* **Description of the task**
Tally the lines of the data that include the word "IFCWALL" and state the total, nothing else.

Records from a data source
**********
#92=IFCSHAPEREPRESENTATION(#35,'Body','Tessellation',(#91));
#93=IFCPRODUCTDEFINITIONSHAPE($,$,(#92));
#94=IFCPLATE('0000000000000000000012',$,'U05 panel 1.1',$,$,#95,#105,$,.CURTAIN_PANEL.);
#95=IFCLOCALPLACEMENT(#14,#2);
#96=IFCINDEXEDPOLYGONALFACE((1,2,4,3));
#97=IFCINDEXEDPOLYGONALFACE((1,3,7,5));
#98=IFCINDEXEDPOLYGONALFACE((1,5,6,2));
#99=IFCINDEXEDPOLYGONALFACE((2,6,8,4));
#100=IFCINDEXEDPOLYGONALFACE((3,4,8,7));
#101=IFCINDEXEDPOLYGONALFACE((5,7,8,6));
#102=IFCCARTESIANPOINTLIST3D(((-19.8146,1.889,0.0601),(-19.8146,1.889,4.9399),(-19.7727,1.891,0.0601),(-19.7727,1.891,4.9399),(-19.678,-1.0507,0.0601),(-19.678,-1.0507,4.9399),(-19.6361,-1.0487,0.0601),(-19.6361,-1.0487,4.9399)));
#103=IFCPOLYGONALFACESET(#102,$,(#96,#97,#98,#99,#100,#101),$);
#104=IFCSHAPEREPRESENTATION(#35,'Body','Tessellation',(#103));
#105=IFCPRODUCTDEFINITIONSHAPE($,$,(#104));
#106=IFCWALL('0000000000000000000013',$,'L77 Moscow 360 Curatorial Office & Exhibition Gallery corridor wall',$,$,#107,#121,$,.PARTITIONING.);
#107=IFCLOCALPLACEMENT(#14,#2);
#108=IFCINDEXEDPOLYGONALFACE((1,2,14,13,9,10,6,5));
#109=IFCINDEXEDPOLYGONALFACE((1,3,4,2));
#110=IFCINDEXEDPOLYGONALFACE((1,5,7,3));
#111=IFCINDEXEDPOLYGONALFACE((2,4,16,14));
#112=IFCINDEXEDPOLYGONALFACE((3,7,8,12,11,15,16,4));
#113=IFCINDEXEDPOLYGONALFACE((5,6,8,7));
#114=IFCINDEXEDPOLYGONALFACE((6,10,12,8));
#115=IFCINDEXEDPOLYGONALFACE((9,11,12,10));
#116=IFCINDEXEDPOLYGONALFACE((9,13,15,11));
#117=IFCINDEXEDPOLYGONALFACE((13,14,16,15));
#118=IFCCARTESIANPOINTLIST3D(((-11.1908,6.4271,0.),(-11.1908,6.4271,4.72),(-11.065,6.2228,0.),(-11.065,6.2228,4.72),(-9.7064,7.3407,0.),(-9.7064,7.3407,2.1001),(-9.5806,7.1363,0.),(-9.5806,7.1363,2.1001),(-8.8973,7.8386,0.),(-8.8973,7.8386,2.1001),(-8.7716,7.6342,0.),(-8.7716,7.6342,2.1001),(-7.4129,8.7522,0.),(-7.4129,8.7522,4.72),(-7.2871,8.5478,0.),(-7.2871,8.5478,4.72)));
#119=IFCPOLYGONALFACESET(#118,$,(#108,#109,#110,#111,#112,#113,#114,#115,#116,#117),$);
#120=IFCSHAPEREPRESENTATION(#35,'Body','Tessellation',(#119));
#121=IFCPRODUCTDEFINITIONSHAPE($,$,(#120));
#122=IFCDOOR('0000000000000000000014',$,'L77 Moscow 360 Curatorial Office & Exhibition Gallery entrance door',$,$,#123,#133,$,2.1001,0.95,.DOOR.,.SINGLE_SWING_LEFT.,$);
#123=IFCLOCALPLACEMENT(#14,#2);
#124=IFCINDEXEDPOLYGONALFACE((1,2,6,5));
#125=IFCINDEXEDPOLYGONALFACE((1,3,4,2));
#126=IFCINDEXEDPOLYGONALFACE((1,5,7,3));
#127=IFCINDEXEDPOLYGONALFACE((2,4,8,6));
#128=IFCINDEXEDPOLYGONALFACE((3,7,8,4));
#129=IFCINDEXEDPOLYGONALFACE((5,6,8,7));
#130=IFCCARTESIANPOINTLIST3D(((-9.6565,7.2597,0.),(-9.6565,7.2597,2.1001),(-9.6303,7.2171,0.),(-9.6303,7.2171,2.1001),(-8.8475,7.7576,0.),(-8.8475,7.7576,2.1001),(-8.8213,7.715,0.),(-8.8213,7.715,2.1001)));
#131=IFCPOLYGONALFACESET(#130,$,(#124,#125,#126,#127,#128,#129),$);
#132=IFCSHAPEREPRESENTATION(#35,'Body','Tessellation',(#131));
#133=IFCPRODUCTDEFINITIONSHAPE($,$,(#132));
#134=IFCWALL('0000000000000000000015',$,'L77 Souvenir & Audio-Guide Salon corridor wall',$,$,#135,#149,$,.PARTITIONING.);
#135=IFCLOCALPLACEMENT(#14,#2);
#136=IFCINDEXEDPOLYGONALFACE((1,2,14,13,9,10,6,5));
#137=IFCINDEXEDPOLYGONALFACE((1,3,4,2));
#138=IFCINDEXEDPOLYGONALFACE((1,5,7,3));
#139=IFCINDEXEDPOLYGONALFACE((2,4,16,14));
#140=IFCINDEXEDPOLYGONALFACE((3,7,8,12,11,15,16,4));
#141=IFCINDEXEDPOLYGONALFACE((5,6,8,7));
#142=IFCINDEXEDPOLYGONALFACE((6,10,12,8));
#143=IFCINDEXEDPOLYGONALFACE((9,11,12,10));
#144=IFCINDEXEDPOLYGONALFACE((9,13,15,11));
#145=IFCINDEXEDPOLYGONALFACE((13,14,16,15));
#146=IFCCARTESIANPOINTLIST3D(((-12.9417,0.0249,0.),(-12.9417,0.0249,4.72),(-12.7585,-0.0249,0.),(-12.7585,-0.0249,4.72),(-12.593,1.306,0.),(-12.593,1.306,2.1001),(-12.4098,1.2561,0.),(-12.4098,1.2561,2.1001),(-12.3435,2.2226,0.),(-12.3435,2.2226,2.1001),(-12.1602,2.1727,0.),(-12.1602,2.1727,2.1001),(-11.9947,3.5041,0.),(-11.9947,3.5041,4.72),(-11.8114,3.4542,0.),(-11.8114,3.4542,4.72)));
**********
* **Solution below**
2